DESCRIPTION OF THE TASK
Counting the line with "#138=IFCINDEXEDPOLYGONALFACE((5,7,8,6));" as the last one, copy out the lines of the data exactly from the first onward.

----- INFORMATION SUPPLIED

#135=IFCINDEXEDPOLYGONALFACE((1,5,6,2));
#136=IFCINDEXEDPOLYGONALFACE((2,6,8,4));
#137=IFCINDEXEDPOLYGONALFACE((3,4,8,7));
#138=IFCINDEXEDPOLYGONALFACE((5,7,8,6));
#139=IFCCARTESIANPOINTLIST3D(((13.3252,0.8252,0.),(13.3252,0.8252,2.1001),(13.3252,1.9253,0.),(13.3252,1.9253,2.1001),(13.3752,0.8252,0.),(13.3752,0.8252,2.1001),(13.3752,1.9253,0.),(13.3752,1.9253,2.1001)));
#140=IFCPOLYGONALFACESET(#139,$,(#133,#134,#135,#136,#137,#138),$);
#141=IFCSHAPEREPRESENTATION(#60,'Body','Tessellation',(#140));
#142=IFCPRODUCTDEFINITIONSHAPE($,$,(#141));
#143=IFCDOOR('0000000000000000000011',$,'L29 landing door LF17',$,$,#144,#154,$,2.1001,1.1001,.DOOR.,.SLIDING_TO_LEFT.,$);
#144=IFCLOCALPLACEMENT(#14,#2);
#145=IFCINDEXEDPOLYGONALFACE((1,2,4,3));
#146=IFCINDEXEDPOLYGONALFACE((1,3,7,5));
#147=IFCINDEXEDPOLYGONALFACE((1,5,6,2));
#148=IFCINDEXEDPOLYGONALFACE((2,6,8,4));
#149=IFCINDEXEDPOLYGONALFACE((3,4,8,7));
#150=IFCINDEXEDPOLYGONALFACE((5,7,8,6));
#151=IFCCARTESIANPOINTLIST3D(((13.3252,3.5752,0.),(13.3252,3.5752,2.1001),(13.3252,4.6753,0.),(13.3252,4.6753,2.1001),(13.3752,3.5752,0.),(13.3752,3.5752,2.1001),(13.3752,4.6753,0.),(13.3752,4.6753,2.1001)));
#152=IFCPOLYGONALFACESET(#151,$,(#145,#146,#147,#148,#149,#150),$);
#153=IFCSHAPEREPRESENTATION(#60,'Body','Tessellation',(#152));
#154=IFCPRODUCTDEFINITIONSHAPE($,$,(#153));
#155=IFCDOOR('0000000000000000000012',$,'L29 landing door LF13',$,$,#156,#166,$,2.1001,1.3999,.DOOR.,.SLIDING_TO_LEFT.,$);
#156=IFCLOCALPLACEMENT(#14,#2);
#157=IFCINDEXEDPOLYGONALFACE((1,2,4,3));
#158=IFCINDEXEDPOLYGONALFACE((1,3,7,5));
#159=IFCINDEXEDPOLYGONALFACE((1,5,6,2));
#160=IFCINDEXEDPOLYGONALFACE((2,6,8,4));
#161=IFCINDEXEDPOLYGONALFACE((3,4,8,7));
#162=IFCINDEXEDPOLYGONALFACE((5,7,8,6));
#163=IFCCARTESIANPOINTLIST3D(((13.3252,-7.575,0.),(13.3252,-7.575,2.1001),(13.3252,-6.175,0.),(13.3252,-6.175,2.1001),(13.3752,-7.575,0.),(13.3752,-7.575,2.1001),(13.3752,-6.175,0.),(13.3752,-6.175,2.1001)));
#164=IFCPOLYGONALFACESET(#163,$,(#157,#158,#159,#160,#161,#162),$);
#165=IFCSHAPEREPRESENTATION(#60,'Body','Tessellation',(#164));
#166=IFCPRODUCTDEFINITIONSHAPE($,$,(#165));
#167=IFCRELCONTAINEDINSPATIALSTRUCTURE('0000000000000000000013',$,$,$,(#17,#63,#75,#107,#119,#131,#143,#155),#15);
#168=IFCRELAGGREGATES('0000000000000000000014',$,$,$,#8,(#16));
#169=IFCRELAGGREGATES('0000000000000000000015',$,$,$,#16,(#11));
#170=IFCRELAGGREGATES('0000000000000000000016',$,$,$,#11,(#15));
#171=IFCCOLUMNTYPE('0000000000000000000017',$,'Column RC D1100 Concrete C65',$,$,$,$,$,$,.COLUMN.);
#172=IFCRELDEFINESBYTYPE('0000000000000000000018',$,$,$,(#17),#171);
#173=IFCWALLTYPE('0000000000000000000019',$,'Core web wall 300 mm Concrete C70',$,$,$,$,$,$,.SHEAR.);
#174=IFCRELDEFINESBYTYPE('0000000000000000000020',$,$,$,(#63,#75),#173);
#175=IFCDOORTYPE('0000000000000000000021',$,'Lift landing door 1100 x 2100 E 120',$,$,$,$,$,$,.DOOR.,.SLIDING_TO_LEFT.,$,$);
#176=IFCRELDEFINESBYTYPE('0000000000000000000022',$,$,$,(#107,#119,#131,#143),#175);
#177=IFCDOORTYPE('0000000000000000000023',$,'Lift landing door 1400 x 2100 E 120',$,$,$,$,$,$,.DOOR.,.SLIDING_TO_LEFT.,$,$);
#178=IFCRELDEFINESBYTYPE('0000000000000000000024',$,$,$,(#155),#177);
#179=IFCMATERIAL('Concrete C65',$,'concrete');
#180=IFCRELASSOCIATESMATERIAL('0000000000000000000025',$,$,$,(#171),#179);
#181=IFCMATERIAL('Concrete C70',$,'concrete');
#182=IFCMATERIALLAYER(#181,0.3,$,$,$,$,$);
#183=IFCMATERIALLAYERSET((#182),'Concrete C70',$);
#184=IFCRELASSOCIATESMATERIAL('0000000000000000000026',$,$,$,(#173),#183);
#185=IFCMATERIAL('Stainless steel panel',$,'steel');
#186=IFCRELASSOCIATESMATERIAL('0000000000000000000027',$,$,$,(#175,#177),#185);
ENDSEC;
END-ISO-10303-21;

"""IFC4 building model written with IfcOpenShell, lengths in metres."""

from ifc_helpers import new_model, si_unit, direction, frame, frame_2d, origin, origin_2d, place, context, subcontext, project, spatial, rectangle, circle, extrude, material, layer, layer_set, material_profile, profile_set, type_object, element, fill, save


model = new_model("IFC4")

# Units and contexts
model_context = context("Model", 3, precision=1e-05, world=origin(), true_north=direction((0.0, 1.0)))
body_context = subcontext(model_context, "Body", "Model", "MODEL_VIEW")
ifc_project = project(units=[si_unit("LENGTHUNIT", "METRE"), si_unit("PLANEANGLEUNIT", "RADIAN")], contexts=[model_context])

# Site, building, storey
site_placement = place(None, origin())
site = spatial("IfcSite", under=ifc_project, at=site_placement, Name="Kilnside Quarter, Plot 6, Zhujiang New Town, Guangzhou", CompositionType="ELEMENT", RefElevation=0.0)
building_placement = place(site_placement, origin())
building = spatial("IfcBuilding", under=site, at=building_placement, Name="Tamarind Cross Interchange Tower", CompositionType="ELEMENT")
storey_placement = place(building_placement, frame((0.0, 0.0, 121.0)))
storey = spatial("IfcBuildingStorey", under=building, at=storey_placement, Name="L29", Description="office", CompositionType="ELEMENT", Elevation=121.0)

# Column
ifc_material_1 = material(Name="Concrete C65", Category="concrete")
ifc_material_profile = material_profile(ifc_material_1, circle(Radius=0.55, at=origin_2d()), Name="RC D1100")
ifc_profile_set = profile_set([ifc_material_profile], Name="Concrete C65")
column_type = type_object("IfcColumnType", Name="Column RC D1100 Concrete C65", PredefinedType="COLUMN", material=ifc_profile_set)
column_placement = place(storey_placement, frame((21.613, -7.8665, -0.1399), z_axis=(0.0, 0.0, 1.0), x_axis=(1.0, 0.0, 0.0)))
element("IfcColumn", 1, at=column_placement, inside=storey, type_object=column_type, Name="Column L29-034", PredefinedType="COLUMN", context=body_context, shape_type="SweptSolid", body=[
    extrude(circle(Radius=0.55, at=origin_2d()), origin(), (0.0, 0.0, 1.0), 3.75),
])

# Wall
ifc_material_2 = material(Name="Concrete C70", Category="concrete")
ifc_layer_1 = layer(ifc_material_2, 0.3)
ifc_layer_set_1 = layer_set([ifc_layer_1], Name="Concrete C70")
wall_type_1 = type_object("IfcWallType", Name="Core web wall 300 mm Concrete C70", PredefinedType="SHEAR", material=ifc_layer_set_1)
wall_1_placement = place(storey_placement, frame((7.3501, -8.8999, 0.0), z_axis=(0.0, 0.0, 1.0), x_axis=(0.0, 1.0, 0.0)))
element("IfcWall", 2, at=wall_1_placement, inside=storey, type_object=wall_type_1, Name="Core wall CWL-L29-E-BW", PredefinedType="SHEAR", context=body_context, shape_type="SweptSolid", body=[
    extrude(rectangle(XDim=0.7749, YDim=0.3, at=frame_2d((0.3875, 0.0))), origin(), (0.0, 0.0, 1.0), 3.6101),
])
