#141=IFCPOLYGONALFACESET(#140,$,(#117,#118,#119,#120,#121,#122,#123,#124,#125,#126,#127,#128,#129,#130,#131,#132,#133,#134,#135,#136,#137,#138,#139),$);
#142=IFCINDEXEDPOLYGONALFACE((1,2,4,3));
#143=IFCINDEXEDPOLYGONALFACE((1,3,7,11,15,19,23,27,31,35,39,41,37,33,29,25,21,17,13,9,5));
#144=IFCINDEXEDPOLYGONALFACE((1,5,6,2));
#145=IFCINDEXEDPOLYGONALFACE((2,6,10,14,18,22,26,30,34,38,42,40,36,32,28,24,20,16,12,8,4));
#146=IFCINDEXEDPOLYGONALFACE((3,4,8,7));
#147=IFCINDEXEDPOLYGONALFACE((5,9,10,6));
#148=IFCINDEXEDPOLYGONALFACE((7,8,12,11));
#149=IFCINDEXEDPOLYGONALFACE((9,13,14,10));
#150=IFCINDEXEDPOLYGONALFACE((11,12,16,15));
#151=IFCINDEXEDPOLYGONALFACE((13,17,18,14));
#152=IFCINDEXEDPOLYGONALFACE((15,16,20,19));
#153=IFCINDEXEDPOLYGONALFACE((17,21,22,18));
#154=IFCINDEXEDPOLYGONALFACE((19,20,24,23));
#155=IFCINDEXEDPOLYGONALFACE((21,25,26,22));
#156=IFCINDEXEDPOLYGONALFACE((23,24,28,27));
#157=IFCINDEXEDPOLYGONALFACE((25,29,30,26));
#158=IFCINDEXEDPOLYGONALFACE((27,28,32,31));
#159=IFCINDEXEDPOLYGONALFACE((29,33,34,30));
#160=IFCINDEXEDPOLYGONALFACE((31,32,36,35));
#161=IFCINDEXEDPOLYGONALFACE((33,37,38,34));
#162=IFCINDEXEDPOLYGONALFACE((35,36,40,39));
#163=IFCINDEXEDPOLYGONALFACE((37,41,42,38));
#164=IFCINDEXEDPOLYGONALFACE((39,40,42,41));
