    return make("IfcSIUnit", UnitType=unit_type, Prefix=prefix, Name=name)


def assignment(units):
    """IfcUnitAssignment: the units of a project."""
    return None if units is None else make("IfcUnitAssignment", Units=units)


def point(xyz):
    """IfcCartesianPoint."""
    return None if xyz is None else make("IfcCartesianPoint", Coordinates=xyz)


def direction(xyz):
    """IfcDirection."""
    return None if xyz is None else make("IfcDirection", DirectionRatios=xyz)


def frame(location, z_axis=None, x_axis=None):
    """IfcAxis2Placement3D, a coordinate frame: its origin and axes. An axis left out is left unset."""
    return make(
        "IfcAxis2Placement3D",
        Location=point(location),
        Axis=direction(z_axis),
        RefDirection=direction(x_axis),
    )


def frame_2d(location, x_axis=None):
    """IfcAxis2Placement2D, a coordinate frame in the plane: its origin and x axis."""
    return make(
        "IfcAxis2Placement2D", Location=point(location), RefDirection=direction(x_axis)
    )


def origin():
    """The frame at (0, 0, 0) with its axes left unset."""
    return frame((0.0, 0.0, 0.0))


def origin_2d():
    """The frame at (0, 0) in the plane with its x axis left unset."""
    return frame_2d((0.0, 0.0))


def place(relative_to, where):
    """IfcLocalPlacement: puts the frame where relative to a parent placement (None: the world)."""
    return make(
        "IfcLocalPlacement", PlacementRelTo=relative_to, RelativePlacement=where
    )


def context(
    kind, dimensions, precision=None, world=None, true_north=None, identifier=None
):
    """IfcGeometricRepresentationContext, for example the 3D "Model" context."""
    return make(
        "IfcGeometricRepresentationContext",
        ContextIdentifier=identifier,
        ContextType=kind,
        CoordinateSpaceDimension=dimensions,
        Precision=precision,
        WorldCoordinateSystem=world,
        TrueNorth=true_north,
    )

----------

COMPLETED TASK
#135=IFCINDEXEDPOLYGONALFACE((1,5,6,2));
#136=IFCINDEXEDPOLYGONALFACE((2,6,8,4));
#137=IFCINDEXEDPOLYGONALFACE((3,4,8,7));
#138=IFCINDEXEDPOLYGONALFACE((5,7,8,6));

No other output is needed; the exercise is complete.